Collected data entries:
———
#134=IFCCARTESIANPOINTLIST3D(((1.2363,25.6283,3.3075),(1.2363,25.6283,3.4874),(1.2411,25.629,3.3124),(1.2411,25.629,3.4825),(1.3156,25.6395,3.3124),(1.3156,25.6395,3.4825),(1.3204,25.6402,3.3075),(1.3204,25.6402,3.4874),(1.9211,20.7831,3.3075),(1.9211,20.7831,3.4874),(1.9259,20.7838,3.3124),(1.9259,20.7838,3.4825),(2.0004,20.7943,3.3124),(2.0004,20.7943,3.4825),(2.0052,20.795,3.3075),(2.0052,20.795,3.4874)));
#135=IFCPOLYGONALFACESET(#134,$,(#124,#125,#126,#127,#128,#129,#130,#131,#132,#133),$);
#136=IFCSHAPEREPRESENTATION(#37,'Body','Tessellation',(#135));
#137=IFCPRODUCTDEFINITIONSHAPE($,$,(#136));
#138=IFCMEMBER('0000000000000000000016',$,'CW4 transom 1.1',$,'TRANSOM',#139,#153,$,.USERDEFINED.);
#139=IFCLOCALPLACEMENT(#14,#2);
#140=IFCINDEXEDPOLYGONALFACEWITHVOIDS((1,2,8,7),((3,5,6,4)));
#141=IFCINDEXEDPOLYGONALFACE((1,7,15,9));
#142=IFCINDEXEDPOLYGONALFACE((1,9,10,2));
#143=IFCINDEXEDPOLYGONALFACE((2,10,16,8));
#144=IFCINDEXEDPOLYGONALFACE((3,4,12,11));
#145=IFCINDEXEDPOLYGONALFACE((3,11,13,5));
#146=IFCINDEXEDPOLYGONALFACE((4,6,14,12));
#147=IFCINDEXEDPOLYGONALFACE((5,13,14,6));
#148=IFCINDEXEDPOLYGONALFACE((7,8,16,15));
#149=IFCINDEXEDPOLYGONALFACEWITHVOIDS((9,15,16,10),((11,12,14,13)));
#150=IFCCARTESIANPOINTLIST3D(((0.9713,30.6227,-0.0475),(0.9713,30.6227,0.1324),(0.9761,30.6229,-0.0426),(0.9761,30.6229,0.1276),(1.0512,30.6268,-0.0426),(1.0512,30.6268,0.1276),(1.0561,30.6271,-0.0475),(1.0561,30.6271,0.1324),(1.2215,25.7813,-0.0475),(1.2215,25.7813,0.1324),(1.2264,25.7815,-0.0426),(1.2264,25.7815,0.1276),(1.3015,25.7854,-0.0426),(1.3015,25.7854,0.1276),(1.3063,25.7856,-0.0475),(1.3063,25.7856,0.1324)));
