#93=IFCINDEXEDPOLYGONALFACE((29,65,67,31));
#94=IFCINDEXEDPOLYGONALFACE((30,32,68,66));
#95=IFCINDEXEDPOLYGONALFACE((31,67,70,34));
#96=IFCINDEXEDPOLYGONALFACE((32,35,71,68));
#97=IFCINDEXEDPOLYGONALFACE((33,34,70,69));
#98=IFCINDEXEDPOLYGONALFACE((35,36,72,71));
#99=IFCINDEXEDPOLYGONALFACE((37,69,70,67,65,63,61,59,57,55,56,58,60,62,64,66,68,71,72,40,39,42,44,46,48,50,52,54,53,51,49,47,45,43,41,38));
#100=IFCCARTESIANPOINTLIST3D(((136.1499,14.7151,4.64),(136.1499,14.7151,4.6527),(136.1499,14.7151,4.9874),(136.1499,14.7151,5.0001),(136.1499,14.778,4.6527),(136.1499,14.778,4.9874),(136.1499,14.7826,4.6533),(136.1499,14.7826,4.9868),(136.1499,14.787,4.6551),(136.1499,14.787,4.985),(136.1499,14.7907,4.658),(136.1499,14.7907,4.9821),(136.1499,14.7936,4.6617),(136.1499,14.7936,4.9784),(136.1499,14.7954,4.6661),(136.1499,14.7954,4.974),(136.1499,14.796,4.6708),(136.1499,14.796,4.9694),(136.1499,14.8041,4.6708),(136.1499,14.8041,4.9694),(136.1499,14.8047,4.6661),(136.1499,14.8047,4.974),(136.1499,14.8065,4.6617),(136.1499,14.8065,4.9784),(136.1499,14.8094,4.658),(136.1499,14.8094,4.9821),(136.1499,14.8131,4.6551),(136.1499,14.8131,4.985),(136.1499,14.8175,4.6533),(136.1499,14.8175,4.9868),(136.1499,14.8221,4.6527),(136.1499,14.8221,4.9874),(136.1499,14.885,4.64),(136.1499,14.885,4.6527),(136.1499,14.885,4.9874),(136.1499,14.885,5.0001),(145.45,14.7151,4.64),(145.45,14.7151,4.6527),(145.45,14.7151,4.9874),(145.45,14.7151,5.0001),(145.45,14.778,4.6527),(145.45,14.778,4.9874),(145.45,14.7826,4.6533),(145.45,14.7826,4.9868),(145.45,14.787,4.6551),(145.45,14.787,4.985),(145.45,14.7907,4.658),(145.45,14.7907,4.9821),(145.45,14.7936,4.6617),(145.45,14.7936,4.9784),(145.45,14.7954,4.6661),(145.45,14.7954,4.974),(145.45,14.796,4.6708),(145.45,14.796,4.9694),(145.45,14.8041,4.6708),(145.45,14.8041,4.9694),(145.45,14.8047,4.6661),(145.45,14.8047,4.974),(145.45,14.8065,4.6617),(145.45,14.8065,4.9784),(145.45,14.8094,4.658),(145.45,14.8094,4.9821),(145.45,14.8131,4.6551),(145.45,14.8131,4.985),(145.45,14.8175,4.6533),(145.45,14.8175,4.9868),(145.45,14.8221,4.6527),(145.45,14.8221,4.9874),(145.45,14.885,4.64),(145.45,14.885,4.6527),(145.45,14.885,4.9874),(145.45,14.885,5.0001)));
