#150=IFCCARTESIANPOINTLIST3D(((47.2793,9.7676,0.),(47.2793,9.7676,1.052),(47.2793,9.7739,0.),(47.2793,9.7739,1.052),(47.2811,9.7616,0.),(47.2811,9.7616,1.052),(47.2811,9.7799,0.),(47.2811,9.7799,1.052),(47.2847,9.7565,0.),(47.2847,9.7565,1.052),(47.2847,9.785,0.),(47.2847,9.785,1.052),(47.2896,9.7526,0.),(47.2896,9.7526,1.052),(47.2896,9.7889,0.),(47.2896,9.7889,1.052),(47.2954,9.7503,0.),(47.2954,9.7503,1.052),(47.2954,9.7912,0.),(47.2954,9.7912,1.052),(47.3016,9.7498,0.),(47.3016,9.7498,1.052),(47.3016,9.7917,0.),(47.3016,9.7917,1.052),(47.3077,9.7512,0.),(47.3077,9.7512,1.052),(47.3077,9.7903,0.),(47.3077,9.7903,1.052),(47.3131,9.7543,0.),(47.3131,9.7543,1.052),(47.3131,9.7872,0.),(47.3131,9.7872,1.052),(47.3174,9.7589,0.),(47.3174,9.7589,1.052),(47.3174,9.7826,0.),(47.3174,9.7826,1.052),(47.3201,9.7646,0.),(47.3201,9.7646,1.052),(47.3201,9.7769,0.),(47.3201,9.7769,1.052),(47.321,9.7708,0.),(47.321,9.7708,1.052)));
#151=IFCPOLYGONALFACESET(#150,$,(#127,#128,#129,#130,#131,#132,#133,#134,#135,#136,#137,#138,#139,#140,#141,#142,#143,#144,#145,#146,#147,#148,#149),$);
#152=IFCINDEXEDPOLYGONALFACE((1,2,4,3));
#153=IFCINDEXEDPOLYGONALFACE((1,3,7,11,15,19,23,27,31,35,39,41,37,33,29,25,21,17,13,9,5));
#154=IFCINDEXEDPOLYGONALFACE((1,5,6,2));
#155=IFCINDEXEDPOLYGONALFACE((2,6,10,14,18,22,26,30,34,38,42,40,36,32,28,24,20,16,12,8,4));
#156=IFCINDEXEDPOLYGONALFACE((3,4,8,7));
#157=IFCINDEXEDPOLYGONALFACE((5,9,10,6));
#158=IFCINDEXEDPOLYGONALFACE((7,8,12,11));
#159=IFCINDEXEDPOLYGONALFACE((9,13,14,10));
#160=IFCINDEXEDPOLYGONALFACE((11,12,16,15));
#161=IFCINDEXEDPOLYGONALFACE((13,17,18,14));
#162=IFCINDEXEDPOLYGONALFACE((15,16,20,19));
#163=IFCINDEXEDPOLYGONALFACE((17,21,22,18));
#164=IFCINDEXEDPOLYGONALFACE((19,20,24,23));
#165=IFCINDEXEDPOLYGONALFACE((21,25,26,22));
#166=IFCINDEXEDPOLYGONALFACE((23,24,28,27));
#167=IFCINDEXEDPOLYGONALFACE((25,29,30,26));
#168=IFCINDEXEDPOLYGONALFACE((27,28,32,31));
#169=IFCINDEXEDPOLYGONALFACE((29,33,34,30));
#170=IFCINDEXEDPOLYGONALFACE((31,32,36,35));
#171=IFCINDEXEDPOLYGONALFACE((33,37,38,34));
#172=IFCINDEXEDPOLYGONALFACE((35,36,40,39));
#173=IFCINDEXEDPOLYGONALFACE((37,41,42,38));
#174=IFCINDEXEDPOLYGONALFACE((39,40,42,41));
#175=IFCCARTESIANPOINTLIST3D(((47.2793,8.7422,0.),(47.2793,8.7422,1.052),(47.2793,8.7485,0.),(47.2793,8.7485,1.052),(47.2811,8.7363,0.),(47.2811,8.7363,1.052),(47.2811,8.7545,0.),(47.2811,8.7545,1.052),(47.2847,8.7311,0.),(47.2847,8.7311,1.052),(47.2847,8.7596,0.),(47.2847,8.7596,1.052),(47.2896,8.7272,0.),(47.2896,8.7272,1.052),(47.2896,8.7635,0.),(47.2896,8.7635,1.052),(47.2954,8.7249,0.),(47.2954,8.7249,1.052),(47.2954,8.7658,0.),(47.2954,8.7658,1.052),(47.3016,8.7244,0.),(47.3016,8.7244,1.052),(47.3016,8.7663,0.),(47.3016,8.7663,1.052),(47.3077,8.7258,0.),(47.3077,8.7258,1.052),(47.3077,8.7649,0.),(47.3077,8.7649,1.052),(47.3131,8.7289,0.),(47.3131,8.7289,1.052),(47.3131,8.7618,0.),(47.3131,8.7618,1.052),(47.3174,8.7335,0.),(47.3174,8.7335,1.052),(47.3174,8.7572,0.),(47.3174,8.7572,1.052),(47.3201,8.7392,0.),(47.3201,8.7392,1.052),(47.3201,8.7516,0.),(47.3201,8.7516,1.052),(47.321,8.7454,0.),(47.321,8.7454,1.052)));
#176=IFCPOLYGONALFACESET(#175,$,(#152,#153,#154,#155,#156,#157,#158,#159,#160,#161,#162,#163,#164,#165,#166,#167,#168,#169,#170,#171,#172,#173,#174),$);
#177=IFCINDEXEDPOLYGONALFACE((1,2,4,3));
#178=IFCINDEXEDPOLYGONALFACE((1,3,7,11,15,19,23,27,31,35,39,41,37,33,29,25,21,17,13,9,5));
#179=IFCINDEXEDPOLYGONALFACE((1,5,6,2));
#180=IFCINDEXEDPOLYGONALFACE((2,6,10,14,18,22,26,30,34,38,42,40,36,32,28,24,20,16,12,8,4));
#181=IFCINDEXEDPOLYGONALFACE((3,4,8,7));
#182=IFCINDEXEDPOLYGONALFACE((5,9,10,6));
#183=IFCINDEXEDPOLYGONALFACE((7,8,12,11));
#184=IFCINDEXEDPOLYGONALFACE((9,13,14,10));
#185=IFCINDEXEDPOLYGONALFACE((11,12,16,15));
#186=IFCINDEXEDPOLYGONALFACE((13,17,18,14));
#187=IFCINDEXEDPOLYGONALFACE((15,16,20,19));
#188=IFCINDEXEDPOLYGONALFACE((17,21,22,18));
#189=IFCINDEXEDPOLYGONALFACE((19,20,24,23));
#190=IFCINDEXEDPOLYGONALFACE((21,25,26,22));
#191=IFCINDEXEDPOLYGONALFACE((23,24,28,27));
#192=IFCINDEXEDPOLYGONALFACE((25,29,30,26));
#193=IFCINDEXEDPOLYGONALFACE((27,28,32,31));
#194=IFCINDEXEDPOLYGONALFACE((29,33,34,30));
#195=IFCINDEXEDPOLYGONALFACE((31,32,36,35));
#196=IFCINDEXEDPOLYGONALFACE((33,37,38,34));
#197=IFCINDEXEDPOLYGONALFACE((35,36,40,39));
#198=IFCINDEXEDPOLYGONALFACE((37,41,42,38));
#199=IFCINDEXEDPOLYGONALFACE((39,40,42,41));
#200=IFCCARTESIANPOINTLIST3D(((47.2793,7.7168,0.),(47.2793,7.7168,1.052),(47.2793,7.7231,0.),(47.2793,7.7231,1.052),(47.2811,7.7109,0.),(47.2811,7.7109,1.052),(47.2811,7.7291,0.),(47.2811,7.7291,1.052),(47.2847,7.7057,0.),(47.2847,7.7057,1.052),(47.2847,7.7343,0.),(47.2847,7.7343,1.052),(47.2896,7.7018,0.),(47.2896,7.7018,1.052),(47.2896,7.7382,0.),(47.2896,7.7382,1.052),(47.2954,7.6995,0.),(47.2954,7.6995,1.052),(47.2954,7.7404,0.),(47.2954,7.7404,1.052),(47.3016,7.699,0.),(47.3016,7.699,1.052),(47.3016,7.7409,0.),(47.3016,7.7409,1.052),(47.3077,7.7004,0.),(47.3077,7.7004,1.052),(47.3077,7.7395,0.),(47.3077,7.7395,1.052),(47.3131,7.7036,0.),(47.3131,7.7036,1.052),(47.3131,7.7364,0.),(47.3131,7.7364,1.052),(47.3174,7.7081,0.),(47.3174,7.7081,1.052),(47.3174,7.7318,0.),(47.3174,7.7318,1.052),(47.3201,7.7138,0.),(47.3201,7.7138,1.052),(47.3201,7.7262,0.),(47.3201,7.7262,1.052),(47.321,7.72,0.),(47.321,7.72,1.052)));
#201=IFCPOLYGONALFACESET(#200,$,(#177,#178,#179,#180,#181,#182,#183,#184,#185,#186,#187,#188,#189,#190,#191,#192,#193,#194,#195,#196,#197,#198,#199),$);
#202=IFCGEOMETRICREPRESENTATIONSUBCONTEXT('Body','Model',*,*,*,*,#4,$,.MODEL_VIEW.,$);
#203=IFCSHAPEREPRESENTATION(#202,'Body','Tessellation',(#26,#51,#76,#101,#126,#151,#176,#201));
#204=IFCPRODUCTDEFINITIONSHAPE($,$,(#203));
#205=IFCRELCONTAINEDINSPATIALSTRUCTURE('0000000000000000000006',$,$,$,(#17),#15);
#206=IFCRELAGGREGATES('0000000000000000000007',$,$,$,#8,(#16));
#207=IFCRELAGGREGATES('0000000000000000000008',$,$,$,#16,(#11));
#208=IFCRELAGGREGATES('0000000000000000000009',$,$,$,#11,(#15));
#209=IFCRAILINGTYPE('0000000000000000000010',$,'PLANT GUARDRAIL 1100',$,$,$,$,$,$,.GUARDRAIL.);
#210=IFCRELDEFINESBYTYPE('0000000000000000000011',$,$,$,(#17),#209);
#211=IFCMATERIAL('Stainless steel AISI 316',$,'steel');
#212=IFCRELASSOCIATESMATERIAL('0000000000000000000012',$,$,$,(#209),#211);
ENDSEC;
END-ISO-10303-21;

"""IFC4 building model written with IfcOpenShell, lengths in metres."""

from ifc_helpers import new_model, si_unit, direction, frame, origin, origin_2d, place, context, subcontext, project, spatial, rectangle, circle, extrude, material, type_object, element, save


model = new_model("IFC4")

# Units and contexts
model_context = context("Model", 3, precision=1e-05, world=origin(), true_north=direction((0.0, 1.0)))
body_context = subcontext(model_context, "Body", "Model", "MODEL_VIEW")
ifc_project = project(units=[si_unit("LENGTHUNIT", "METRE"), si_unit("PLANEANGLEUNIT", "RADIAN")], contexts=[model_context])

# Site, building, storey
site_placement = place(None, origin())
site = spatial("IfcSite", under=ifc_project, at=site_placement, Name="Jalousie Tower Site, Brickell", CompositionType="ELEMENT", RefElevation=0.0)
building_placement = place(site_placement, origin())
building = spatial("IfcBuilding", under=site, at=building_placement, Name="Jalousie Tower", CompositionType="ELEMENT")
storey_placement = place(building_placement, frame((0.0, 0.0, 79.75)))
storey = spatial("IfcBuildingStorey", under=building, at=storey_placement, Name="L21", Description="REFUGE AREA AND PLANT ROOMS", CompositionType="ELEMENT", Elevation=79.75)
———
- Work instructions -
Look above for the line with "#198=IFCINDEXEDPOLYGONALFACE((37,41,42,38));"; retype exactly that line, every line after it up to the line with "#208=IFCRELAGGREGATES('0000000000000000000009',$,$,$,#11,(#15));", and that line too, nothing else.

- Response area -
#198=IFCINDEXEDPOLYGONALFACE((37,41,42,38));
#199=IFCINDEXEDPOLYGONALFACE((39,40,42,41));
#200=IFCCARTESIANPOINTLIST3D(((47.2793,7.7168,0.),(47.2793,7.7168,1.052),(47.2793,7.7231,0.),(47.2793,7.7231,1.052),(47.2811,7.7109,0.),(47.2811,7.7109,1.052),(47.2811,7.7291,0.),(47.2811,7.7291,1.052),(47.2847,7.7057,0.),(47.2847,7.7057,1.052),(47.2847,7.7343,0.),(47.2847,7.7343,1.052),(47.2896,7.7018,0.),(47.2896,7.7018,1.052),(47.2896,7.7382,0.),(47.2896,7.7382,1.052),(47.2954,7.6995,0.),(47.2954,7.6995,1.052),(47.2954,7.7404,0.),(47.2954,7.7404,1.052),(47.3016,7.699,0.),(47.3016,7.699,1.052),(47.3016,7.7409,0.),(47.3016,7.7409,1.052),(47.3077,7.7004,0.),(47.3077,7.7004,1.052),(47.3077,7.7395,0.),(47.3077,7.7395,1.052),(47.3131,7.7036,0.),(47.3131,7.7036,1.052),(47.3131,7.7364,0.),(47.3131,7.7364,1.052),(47.3174,7.7081,0.),(47.3174,7.7081,1.052),(47.3174,7.7318,0.),(47.3174,7.7318,1.052),(47.3201,7.7138,0.),(47.3201,7.7138,1.052),(47.3201,7.7262,0.),(47.3201,7.7262,1.052),(47.321,7.72,0.),(47.321,7.72,1.052)));
#201=IFCPOLYGONALFACESET(#200,$,(#177,#178,#179,#180,#181,#182,#183,#184,#185,#186,#187,#188,#189,#190,#191,#192,#193,#194,#195,#196,#197,#198,#199),$);
#202=IFCGEOMETRICREPRESENTATIONSUBCONTEXT('Body','Model',*,*,*,*,#4,$,.MODEL_VIEW.,$);
#203=IFCSHAPEREPRESENTATION(#202,'Body','Tessellation',(#26,#51,#76,#101,#126,#151,#176,#201));
#204=IFCPRODUCTDEFINITIONSHAPE($,$,(#203));
#205=IFCRELCONTAINEDINSPATIALSTRUCTURE('0000000000000000000006',$,$,$,(#17),#15);
#206=IFCRELAGGREGATES('0000000000000000000007',$,$,$,#8,(#16));
#207=IFCRELAGGREGATES('0000000000000000000008',$,$,$,#16,(#11));
#208=IFCRELAGGREGATES('0000000000000000000009',$,$,$,#11,(#15));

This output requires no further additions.